■ **Data provided**
________________________________________
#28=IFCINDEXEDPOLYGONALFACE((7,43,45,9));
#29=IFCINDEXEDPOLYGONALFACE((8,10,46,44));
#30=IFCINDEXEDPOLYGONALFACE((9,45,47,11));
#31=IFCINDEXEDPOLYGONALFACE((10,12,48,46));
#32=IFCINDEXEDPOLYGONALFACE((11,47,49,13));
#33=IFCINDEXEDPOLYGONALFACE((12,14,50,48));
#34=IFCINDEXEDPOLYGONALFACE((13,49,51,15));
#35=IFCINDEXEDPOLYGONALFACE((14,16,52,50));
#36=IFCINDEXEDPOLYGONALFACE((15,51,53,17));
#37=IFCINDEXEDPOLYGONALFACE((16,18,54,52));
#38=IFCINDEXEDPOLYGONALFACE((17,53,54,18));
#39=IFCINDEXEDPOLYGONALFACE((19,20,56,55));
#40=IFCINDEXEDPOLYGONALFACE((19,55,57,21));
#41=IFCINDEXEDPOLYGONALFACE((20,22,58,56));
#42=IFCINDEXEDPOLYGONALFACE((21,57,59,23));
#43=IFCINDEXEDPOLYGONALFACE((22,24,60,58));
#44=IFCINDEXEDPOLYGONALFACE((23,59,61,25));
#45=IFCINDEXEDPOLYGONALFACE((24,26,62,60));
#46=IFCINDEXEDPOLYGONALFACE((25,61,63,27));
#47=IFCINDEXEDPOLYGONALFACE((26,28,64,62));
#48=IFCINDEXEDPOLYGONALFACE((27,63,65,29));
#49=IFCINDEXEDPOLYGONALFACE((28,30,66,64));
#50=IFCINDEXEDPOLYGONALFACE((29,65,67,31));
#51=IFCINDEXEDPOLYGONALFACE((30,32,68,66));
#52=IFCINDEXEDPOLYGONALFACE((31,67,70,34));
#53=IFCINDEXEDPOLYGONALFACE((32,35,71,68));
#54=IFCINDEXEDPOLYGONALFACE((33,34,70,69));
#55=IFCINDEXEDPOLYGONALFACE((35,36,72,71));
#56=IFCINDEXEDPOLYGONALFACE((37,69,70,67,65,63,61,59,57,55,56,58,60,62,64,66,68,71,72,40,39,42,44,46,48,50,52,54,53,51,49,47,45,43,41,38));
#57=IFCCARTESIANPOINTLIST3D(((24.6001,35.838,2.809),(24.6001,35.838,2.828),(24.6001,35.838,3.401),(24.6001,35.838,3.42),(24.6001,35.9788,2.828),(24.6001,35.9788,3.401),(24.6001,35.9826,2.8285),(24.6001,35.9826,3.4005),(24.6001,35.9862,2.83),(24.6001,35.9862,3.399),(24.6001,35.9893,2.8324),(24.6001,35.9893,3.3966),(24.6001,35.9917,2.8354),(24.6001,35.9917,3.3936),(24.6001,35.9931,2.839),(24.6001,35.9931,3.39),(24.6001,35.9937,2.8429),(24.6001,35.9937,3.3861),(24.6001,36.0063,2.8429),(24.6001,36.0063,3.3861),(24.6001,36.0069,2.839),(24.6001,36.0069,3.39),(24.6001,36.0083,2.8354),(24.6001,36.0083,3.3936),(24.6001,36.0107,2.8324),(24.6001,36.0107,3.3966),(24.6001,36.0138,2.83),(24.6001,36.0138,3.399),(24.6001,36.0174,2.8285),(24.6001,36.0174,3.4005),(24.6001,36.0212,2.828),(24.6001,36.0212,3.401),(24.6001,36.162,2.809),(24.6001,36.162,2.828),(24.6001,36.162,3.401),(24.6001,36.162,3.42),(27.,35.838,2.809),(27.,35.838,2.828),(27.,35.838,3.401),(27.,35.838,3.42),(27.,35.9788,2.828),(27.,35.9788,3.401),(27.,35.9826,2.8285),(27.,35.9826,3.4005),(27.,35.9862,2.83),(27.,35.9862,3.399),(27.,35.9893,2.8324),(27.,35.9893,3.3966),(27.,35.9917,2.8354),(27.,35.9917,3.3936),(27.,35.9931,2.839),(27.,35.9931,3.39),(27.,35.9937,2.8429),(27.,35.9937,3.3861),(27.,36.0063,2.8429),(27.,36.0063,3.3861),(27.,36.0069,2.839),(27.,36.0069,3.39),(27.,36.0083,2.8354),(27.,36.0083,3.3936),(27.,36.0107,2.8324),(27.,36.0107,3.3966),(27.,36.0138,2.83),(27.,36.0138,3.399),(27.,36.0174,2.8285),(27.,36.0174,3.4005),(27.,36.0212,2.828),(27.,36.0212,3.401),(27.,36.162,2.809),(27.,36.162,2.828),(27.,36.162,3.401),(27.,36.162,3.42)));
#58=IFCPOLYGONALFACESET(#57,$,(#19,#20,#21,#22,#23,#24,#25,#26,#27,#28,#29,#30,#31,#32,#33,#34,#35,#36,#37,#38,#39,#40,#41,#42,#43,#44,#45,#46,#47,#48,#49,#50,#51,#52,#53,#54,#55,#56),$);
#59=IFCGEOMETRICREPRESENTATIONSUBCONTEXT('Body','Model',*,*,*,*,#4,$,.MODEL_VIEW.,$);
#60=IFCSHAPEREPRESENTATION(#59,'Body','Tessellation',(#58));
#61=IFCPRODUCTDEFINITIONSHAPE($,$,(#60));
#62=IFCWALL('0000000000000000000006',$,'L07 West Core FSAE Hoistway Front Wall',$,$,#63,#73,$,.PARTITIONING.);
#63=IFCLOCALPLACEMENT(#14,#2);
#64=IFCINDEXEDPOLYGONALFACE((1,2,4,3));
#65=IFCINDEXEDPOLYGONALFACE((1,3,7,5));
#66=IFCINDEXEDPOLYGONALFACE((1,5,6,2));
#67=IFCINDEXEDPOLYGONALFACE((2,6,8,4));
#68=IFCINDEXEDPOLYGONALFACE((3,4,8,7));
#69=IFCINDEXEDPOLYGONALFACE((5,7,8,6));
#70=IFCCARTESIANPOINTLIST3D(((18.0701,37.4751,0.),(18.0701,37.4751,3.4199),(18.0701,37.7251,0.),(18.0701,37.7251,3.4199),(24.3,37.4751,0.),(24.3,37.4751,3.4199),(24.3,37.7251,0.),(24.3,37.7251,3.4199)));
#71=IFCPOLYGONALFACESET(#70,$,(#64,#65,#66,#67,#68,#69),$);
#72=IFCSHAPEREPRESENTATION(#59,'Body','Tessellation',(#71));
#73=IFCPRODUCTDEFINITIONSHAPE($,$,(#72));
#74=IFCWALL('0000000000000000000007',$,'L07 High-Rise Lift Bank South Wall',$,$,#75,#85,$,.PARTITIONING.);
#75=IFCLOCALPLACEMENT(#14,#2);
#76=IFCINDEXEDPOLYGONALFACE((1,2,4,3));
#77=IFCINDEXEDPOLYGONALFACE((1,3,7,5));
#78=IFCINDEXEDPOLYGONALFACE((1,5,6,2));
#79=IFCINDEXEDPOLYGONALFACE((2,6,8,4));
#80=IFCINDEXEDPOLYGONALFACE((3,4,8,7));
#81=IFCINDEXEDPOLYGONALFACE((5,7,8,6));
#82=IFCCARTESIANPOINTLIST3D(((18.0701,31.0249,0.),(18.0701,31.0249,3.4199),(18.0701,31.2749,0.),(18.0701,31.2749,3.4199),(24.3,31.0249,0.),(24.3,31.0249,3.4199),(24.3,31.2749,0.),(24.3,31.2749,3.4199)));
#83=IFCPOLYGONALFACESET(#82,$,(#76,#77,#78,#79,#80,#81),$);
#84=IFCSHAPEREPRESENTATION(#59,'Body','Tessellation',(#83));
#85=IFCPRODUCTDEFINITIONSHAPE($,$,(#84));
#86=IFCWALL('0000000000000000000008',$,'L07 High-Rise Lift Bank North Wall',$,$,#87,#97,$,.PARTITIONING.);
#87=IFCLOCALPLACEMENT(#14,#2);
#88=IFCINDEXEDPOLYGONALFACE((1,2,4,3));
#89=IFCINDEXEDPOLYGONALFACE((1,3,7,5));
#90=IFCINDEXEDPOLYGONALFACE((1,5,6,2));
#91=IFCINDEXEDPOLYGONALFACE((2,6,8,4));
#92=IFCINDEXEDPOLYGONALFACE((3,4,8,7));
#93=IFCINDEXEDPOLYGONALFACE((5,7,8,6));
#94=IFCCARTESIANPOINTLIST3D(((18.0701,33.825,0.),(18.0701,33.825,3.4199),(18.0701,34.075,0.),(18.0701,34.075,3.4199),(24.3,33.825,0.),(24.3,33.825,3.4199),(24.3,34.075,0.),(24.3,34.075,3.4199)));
________________________________________
■ **Task item**
Retype exactly the span of lines from the one with "#30=IFCINDEXEDPOLYGONALFACE((9,45,47,11));" through the one with "#46=IFCINDEXEDPOLYGONALFACE((25,61,63,27));"; include both ends and omit the rest of the material.

■ **Solution to this exercise**
#30=IFCINDEXEDPOLYGONALFACE((9,45,47,11));
#31=IFCINDEXEDPOLYGONALFACE((10,12,48,46));
#32=IFCINDEXEDPOLYGONALFACE((11,47,49,13));
#33=IFCINDEXEDPOLYGONALFACE((12,14,50,48));
#34=IFCINDEXEDPOLYGONALFACE((13,49,51,15));
#35=IFCINDEXEDPOLYGONALFACE((14,16,52,50));
#36=IFCINDEXEDPOLYGONALFACE((15,51,53,17));
#37=IFCINDEXEDPOLYGONALFACE((16,18,54,52));
#38=IFCINDEXEDPOLYGONALFACE((17,53,54,18));
#39=IFCINDEXEDPOLYGONALFACE((19,20,56,55));
#40=IFCINDEXEDPOLYGONALFACE((19,55,57,21));
#41=IFCINDEXEDPOLYGONALFACE((20,22,58,56));
#42=IFCINDEXEDPOLYGONALFACE((21,57,59,23));
#43=IFCINDEXEDPOLYGONALFACE((22,24,60,58));
#44=IFCINDEXEDPOLYGONALFACE((23,59,61,25));
#45=IFCINDEXEDPOLYGONALFACE((24,26,62,60));
#46=IFCINDEXEDPOLYGONALFACE((25,61,63,27));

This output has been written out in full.